## ABOUT THIS EXERCISE
The job is to find each line of the records below that includes the word "IfcBeamType" and copy it.

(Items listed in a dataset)
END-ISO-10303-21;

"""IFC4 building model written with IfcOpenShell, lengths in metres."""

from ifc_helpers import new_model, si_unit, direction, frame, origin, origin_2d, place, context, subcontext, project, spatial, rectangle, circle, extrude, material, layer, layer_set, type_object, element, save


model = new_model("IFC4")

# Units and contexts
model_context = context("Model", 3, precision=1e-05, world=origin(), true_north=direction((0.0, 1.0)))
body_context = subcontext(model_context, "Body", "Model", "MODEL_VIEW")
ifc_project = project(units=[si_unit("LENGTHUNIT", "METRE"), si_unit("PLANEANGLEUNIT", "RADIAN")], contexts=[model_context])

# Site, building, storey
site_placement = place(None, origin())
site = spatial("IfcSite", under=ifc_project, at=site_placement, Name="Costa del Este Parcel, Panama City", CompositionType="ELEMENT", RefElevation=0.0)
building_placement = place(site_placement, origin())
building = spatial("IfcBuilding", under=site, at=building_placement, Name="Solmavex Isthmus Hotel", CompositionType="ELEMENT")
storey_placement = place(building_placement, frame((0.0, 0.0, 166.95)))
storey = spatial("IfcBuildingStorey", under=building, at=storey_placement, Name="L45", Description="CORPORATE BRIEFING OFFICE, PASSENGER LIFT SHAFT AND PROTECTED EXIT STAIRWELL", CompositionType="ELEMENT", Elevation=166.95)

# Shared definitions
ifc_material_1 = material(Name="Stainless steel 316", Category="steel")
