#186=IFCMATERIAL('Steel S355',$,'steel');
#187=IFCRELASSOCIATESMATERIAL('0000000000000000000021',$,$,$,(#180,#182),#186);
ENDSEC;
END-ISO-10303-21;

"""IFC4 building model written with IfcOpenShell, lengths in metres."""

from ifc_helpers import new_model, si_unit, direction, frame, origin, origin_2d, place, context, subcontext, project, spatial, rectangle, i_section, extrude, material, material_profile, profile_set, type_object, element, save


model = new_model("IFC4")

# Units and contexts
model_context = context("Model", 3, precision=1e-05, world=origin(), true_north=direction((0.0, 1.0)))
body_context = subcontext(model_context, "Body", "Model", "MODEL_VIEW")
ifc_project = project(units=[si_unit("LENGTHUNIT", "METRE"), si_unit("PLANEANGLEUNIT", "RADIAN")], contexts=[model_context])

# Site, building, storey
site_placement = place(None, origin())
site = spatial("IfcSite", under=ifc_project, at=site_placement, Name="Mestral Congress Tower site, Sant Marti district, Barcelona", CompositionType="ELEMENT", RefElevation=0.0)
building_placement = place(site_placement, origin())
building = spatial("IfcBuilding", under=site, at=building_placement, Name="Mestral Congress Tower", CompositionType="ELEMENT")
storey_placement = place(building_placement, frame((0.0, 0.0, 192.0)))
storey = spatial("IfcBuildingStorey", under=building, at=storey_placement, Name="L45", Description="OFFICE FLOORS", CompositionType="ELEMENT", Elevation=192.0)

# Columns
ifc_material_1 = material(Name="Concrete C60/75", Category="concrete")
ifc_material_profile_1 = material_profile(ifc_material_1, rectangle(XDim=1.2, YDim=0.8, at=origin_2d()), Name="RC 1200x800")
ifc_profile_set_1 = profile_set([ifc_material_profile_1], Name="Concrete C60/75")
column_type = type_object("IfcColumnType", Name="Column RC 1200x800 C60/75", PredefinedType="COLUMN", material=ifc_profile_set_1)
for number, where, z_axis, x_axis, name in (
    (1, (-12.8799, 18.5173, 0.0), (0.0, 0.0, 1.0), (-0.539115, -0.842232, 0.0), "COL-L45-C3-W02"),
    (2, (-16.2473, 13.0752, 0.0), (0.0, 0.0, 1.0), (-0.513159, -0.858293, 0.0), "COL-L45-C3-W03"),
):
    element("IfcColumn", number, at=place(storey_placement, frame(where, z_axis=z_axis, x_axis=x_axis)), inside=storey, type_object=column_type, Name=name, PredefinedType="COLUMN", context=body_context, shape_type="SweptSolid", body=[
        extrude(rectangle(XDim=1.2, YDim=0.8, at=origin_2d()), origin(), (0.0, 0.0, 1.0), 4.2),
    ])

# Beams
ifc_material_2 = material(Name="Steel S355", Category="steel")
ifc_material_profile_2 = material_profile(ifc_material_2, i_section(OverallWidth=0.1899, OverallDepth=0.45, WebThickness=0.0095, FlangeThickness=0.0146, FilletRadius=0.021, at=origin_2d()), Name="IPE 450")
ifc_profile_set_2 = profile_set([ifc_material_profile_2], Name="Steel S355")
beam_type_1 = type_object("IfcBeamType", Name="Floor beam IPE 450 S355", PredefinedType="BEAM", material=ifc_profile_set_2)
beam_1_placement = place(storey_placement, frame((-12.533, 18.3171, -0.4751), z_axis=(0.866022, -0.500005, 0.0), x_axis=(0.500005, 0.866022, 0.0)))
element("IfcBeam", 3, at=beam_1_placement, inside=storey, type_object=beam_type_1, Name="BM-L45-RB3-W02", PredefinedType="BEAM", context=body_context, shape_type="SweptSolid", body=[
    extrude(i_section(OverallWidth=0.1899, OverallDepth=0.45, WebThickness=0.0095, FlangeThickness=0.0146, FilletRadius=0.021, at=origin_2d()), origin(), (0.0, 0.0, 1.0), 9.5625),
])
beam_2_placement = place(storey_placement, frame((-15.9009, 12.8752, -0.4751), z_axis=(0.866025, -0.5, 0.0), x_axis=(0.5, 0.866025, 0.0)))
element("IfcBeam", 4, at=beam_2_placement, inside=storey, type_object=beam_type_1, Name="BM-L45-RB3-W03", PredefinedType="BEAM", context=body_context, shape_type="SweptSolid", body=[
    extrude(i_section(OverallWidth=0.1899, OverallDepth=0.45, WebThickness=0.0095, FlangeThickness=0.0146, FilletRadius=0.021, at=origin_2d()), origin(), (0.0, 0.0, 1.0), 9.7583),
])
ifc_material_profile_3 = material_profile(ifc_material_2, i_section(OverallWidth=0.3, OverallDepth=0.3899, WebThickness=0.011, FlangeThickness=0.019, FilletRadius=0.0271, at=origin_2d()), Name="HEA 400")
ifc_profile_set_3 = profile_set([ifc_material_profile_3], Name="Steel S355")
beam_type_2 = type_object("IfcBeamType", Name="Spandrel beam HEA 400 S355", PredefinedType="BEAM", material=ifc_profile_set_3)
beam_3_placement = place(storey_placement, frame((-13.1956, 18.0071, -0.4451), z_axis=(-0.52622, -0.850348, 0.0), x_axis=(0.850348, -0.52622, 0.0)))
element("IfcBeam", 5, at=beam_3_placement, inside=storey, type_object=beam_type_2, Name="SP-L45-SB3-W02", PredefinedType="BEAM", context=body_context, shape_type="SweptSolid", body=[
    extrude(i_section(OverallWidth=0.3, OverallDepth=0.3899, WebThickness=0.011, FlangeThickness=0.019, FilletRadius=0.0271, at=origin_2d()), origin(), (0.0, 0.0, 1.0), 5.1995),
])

* * *

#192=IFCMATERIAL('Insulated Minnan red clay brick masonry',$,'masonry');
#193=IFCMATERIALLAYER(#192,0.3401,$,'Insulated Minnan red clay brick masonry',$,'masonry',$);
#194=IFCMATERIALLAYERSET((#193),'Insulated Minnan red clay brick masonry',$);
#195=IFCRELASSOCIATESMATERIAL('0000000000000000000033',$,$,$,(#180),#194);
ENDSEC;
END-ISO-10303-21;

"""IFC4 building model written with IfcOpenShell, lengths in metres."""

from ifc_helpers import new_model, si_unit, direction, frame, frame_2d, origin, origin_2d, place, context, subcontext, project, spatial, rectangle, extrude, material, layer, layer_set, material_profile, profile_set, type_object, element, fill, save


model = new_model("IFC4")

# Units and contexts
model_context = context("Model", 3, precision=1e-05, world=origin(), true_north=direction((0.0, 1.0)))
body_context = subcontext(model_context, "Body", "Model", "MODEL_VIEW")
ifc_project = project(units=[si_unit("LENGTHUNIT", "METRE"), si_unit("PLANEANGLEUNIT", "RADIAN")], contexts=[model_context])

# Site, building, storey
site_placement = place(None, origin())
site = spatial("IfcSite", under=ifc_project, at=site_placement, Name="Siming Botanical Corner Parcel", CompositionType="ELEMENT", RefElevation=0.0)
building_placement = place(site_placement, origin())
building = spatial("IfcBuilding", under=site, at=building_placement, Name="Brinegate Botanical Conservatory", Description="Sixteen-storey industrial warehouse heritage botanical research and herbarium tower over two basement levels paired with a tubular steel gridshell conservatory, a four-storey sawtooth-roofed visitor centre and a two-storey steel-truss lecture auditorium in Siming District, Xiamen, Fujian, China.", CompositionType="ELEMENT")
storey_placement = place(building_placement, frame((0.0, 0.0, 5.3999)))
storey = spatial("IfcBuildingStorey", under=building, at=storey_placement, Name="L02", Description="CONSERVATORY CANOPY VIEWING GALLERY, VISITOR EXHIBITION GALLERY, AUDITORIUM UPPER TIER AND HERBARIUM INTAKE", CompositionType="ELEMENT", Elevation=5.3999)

## WRITTEN REPLY
beam_type_1 = type_object("IfcBeamType", Name="Floor beam IPE 450 S355", PredefinedType="BEAM", material=ifc_profile_set_2)
beam_type_2 = type_object("IfcBeamType", Name="Spandrel beam HEA 400 S355", PredefinedType="BEAM", material=ifc_profile_set_3)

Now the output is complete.